(Material shown)
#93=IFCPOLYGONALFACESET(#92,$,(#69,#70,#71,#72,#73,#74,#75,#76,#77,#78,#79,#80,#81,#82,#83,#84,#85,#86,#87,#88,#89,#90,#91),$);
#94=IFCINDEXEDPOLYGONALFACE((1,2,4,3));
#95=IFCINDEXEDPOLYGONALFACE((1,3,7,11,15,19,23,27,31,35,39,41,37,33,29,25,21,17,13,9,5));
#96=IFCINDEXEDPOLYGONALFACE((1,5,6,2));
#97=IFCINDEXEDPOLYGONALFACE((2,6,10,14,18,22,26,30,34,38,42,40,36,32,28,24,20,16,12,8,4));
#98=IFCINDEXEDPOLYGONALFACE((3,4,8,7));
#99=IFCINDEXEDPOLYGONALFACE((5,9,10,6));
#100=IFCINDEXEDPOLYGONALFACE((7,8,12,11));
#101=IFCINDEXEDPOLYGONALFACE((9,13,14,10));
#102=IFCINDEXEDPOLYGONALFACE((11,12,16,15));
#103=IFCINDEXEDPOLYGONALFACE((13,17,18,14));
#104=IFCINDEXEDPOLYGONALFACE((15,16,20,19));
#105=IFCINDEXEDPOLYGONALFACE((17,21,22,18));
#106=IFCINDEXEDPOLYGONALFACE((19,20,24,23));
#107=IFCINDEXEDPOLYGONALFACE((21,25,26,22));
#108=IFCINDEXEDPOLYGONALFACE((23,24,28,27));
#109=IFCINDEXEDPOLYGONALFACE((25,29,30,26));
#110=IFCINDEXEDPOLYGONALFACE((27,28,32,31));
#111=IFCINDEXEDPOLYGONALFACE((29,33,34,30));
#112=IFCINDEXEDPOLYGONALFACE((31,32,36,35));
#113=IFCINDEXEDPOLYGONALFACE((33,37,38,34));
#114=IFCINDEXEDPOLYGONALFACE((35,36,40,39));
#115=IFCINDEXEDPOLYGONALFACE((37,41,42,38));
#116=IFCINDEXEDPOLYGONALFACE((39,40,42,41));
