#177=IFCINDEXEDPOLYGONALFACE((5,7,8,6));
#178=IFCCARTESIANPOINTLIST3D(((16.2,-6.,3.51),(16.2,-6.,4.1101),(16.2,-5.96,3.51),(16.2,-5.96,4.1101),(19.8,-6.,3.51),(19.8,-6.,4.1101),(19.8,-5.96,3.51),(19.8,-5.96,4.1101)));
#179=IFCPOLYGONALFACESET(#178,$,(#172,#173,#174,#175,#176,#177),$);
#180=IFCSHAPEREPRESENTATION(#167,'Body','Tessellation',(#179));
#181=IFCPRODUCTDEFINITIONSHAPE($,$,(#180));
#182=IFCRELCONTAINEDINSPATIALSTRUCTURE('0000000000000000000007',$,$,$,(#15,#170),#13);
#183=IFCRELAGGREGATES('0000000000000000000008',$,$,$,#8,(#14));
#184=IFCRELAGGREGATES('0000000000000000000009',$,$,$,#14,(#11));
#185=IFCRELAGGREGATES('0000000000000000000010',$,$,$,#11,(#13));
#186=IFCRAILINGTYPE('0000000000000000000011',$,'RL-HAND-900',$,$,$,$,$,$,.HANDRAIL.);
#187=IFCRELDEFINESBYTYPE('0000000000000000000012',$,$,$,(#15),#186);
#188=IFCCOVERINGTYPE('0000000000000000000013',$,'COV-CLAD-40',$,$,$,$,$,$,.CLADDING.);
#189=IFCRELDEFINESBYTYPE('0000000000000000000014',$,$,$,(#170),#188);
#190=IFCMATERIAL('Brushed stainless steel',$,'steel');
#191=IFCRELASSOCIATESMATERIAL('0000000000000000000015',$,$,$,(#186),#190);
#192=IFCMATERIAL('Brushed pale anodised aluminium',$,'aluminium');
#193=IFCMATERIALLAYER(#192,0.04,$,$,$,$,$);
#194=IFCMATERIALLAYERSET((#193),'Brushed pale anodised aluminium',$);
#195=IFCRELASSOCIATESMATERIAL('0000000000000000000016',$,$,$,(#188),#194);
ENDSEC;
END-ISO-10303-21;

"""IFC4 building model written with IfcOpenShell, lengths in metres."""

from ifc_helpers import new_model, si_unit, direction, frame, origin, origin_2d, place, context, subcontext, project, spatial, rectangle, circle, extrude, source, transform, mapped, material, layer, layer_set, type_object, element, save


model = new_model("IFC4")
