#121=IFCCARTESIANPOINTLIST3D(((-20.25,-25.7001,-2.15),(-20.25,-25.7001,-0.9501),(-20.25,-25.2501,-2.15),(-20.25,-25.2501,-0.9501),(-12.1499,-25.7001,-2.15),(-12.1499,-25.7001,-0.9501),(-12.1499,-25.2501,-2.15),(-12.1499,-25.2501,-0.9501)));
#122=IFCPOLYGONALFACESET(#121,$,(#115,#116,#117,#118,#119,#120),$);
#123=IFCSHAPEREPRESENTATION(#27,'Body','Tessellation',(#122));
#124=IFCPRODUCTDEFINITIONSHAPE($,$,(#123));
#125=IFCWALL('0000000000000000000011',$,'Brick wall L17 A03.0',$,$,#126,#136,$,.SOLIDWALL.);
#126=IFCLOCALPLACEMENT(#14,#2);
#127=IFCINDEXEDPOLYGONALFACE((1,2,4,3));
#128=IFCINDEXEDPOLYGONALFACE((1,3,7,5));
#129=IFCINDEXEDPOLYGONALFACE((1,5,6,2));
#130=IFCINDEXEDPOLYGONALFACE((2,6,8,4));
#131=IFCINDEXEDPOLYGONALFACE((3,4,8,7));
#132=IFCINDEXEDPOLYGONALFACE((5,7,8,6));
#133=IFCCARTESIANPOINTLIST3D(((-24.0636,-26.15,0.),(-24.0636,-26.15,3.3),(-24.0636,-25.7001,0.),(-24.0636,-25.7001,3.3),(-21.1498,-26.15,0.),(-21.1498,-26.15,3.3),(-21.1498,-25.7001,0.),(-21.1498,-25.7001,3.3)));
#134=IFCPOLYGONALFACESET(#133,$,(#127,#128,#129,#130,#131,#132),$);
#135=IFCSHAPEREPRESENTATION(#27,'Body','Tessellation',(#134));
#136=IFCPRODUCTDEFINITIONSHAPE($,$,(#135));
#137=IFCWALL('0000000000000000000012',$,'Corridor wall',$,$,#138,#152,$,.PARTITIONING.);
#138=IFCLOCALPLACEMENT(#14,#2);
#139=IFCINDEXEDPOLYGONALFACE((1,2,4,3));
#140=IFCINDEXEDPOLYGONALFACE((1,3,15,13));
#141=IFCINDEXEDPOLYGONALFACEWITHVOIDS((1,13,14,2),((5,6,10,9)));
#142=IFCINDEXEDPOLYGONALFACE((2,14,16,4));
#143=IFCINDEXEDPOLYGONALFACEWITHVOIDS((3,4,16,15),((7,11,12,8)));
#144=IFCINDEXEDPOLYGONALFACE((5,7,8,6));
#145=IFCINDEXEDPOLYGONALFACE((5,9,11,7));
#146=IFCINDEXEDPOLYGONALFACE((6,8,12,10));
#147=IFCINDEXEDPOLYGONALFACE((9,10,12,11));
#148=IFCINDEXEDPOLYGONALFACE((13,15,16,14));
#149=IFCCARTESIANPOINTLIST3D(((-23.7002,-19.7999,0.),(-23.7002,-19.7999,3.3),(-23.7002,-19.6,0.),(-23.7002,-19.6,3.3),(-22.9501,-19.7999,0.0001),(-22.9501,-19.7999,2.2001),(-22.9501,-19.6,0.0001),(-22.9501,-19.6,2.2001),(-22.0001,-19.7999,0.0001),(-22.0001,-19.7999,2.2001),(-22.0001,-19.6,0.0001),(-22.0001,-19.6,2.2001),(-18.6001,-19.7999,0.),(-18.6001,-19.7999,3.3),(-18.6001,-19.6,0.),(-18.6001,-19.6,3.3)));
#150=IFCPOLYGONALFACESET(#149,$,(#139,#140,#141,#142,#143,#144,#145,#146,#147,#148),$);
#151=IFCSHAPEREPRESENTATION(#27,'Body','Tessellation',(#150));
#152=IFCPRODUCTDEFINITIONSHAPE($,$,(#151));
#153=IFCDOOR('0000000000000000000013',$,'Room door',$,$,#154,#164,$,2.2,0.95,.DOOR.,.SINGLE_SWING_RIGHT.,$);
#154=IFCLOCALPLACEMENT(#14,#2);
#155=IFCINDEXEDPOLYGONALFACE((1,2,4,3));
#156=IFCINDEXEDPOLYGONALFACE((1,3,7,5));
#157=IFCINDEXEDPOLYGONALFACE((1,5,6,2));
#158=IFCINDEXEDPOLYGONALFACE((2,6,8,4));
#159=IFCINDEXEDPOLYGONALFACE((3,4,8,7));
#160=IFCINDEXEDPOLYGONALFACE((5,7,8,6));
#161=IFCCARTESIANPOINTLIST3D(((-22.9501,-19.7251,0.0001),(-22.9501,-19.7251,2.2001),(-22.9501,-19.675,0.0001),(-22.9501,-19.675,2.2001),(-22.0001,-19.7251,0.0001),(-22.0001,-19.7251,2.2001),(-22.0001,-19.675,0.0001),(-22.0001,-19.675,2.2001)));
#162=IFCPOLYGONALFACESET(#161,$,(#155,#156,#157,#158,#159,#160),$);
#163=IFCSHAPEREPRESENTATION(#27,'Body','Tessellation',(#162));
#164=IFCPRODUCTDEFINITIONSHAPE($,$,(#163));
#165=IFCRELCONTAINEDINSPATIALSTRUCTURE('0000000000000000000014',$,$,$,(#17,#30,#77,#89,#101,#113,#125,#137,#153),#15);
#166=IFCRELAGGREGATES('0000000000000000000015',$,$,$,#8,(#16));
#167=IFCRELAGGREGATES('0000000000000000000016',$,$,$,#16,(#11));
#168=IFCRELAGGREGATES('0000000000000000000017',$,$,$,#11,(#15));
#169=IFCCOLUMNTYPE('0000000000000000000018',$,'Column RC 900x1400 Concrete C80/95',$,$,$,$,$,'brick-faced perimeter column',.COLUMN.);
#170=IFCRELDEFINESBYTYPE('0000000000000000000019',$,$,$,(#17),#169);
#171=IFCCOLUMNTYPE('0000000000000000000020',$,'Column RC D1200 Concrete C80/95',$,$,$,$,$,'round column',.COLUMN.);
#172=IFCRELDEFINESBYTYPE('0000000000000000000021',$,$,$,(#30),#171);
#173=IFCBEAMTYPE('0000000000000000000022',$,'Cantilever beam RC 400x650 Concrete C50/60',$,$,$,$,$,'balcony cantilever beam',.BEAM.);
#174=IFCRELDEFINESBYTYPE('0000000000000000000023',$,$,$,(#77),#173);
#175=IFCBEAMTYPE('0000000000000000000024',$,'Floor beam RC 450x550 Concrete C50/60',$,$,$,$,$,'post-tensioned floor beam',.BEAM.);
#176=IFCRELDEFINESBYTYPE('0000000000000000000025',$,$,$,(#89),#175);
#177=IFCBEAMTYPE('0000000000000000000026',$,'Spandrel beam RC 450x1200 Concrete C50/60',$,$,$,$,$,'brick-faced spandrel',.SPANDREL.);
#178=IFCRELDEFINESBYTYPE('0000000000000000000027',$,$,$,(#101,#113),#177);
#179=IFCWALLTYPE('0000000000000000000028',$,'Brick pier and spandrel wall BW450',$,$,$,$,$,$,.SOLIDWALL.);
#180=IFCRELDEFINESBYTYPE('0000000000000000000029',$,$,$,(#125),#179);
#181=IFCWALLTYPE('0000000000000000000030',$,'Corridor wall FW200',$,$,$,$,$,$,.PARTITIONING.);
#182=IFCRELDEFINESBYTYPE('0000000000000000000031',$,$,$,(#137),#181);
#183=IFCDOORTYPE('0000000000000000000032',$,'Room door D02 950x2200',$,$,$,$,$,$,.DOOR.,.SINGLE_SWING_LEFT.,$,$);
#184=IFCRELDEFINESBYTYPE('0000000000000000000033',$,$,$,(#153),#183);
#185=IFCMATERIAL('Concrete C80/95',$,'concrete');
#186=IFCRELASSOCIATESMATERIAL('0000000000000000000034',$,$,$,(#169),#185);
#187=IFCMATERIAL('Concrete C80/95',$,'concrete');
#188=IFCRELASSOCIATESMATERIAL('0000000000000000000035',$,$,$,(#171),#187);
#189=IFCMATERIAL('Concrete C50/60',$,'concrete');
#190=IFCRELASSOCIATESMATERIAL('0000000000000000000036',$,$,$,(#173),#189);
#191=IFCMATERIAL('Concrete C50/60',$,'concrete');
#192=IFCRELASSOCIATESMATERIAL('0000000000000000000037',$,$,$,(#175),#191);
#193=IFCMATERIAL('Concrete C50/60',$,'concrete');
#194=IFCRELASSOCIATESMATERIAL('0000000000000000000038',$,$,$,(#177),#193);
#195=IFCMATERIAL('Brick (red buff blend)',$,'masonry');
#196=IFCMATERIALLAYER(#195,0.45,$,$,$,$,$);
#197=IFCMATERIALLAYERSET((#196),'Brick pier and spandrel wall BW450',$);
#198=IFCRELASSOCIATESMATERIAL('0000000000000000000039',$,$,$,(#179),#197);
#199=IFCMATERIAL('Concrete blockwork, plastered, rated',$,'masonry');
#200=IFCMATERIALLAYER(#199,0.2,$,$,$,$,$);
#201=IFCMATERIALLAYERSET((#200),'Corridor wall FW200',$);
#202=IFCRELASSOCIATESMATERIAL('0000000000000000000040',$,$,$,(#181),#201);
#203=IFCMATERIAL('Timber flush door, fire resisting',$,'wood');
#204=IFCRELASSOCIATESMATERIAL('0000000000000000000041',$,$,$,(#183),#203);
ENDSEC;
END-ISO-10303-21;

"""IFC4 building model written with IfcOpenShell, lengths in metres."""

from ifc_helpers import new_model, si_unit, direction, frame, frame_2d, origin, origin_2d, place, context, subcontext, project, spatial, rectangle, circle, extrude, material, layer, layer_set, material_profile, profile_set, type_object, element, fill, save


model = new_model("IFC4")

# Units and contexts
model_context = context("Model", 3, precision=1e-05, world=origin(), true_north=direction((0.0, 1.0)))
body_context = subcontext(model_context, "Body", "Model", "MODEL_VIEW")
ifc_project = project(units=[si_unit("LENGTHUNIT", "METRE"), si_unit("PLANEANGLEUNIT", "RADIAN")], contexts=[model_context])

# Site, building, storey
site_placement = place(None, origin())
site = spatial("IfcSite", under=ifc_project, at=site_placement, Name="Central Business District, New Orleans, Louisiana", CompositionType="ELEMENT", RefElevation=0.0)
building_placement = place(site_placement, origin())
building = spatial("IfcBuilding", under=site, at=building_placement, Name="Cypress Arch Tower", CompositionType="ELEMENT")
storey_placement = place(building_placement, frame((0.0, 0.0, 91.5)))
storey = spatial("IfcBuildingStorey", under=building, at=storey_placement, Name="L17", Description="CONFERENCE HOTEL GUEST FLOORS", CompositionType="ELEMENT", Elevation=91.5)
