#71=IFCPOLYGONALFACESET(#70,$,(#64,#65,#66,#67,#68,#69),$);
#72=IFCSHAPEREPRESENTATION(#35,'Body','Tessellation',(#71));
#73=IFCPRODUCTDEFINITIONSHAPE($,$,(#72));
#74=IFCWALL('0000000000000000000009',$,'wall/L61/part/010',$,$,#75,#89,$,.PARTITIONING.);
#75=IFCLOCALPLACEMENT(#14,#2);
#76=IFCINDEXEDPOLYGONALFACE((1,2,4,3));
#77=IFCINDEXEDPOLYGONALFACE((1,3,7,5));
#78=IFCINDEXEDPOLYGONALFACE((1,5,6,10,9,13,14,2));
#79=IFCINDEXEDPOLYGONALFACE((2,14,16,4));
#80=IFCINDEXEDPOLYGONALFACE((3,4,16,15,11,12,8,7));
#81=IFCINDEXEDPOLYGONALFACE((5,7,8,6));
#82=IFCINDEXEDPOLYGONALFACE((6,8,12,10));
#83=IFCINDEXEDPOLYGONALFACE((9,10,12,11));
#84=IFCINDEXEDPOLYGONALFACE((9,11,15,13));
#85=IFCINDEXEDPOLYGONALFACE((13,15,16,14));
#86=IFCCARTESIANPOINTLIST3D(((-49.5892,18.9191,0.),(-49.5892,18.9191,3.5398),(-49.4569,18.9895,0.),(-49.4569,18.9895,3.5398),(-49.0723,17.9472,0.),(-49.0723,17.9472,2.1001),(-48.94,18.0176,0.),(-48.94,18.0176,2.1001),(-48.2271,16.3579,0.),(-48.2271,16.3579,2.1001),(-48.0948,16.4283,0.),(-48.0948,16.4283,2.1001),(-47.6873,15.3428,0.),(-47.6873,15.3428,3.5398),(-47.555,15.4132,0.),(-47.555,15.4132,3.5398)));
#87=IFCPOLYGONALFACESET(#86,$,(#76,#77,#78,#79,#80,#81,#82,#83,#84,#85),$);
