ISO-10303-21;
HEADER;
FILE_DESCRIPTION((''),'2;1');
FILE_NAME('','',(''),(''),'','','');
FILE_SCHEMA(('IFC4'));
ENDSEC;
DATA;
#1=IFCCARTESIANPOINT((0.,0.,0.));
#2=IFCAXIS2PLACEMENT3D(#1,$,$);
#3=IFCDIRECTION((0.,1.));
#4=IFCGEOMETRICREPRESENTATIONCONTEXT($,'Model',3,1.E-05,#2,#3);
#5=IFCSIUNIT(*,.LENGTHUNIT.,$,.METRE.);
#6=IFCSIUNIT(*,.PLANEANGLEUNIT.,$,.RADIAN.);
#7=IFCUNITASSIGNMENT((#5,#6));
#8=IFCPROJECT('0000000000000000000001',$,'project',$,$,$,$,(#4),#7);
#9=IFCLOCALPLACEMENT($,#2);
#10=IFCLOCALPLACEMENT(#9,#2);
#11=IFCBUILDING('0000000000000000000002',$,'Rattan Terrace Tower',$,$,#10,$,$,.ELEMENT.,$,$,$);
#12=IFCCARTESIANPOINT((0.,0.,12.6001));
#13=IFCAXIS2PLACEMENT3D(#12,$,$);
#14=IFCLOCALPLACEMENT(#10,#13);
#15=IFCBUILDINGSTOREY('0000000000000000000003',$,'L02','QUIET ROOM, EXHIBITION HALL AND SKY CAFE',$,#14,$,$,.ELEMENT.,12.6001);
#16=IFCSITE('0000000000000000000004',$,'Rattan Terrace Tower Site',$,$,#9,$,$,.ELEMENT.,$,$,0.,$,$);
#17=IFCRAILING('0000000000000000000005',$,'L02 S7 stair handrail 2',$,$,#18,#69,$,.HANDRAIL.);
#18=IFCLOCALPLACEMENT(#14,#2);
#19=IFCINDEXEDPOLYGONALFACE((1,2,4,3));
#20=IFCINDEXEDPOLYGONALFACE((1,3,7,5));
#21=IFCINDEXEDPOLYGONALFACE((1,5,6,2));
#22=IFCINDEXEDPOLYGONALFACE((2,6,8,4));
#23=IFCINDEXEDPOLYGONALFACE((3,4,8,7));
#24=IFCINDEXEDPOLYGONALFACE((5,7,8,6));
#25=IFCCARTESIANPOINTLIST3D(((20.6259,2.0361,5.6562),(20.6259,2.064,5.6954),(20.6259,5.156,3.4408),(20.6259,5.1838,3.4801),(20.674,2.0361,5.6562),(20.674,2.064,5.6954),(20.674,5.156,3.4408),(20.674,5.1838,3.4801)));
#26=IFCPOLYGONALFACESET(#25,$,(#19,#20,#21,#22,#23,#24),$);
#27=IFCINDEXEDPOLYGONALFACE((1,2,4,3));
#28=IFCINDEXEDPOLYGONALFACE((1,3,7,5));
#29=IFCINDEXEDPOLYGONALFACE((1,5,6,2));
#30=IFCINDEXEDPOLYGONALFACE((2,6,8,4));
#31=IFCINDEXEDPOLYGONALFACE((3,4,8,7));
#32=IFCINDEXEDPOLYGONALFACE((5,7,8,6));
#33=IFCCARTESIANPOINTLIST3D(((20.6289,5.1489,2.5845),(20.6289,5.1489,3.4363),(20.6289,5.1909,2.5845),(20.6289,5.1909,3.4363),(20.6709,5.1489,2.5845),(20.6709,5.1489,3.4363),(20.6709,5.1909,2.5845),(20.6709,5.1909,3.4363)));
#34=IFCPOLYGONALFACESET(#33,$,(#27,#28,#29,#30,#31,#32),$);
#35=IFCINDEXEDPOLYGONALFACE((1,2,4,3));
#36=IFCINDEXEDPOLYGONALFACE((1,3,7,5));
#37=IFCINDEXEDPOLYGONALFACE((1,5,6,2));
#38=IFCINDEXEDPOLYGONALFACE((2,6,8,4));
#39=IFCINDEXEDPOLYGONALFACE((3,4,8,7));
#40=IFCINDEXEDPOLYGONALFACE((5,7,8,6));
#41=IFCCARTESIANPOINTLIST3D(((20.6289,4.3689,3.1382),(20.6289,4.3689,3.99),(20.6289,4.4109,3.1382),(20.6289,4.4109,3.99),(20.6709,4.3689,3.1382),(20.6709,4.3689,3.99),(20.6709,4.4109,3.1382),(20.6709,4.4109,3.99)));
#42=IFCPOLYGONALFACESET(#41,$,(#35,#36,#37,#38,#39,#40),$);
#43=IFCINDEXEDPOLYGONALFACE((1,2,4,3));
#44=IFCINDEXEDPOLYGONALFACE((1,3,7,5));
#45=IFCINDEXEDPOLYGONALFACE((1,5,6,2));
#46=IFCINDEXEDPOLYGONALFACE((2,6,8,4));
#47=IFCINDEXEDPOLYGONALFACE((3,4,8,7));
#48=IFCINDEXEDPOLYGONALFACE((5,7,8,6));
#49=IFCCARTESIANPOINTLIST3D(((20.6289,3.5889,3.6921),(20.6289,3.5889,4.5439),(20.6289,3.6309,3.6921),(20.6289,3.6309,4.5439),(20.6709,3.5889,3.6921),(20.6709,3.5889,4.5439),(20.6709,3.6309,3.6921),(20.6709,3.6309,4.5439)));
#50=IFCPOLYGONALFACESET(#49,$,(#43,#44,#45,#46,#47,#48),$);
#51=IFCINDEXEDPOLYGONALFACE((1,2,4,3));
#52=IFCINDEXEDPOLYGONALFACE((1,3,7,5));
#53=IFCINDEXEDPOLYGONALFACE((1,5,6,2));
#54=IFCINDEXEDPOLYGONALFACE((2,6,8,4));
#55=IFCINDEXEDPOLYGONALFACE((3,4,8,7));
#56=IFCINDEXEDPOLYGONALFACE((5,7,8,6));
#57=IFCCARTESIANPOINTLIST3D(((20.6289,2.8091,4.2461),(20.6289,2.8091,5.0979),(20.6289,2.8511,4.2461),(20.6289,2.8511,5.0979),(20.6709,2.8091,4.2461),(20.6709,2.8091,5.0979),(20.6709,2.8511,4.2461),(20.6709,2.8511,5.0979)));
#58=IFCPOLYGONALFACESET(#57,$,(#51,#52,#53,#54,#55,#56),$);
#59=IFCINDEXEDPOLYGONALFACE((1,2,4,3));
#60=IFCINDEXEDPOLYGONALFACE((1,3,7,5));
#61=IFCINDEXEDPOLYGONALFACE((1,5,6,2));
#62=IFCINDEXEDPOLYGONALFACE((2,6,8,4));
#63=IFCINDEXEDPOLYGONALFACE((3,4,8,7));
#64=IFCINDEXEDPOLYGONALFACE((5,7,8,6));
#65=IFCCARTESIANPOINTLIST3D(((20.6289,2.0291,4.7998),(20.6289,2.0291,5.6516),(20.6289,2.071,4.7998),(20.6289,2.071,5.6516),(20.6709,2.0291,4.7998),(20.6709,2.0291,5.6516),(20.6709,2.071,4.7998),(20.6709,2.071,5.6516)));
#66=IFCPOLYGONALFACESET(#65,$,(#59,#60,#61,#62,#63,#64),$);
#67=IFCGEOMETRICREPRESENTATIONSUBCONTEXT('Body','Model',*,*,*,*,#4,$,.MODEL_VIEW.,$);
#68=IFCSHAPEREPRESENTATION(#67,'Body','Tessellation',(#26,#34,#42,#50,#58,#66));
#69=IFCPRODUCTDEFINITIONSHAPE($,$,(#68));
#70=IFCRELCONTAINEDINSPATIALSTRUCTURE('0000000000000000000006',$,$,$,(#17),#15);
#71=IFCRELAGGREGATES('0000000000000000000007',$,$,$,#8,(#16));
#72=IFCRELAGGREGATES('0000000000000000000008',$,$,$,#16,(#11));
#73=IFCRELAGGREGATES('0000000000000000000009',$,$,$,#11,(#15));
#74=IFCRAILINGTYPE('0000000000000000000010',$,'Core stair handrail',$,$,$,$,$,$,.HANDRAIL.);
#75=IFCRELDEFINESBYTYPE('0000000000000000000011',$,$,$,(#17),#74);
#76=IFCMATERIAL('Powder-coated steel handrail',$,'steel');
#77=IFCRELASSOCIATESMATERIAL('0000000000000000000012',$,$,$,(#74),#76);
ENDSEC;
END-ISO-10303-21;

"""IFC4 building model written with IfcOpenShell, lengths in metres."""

from ifc_helpers import new_model, si_unit, direction, frame, origin, origin_2d, place, context, subcontext, project, spatial, rectangle, extrude, material, type_object, element, save


model = new_model("IFC4")

# Units and contexts
model_context = context("Model", 3, precision=1e-05, world=origin(), true_north=direction((0.0, 1.0)))
body_context = subcontext(model_context, "Body", "Model", "MODEL_VIEW")
ifc_project = project(units=[si_unit("LENGTHUNIT", "METRE"), si_unit("PLANEANGLEUNIT", "RADIAN")], contexts=[model_context])

# Site, building, storey
site_placement = place(None, origin())
site = spatial("IfcSite", under=ifc_project, at=site_placement, Name="Rattan Terrace Tower Site", CompositionType="ELEMENT", RefElevation=0.0)
building_placement = place(site_placement, origin())
building = spatial("IfcBuilding", under=site, at=building_placement, Name="Rattan Terrace Tower", CompositionType="ELEMENT")
storey_placement = place(building_placement, frame((0.0, 0.0, 12.6001)))
storey = spatial("IfcBuildingStorey", under=building, at=storey_placement, Name="L02", Description="QUIET ROOM, EXHIBITION HALL AND SKY CAFE", CompositionType="ELEMENT", Elevation=12.6001)

# Railing
ifc_material_1 = material(Name="Powder-coated steel handrail", Category="steel")
railing_type_1 = type_object("IfcRailingType", Name="Core stair handrail", PredefinedType="HANDRAIL", material=ifc_material_1)
railing_1_placement = place(storey_placement, frame((20.6499, 5.1699, 2.5845)))
element("IfcRailing", 1, at=railing_1_placement, inside=storey, type_object=railing_type_1, Name="L02 S7 stair handrail 2", PredefinedType="HANDRAIL", context=body_context, shape_type="SweptSolid", body=[
    extrude(rectangle(XDim=0.0481, YDim=0.0481, at=origin_2d()), frame((0.0, 0.0, 0.876), z_axis=(0.0, -0.815356, 0.578961), x_axis=(1.0, 0.0, 0.0)), (0.0, 0.0, 1.0), 3.8264),
    extrude(rectangle(XDim=0.042, YDim=0.042, at=origin_2d()), origin(), (0.0, 0.0, 1.0), 0.8518),
    extrude(rectangle(XDim=0.042, YDim=0.042, at=origin_2d()), frame((0.0, -0.78, 0.5537)), (0.0, 0.0, 1.0), 0.8518),
    extrude(rectangle(XDim=0.042, YDim=0.042, at=origin_2d()), frame((0.0, -1.5601, 1.1077)), (0.0, 0.0, 1.0), 0.8518),
    extrude(rectangle(XDim=0.042, YDim=0.042, at=origin_2d()), frame((0.0, -2.3398, 1.6616)), (0.0, 0.0, 1.0), 0.8518),
    extrude(rectangle(XDim=0.042, YDim=0.042, at=origin_2d()), frame((0.0, -3.1199, 2.2153)), (0.0, 0.0, 1.0), 0.8518),
])

save(model, "model.ifc")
(End Material shown)
Task: For every line above that includes the word "Tessellation", return the line.

Written answer:
#180=IFCSHAPEREPRESENTATION(#167,'Body','Tessellation',(#179));
#123=IFCSHAPEREPRESENTATION(#27,'Body','Tessellation',(#122));
#135=IFCSHAPEREPRESENTATION(#27,'Body','Tessellation',(#134));
#151=IFCSHAPEREPRESENTATION(#27,'Body','Tessellation',(#150));
#163=IFCSHAPEREPRESENTATION(#27,'Body','Tessellation',(#162));
#72=IFCSHAPEREPRESENTATION(#35,'Body','Tessellation',(#71));
#68=IFCSHAPEREPRESENTATION(#67,'Body','Tessellation',(#26,#34,#42,#50,#58,#66));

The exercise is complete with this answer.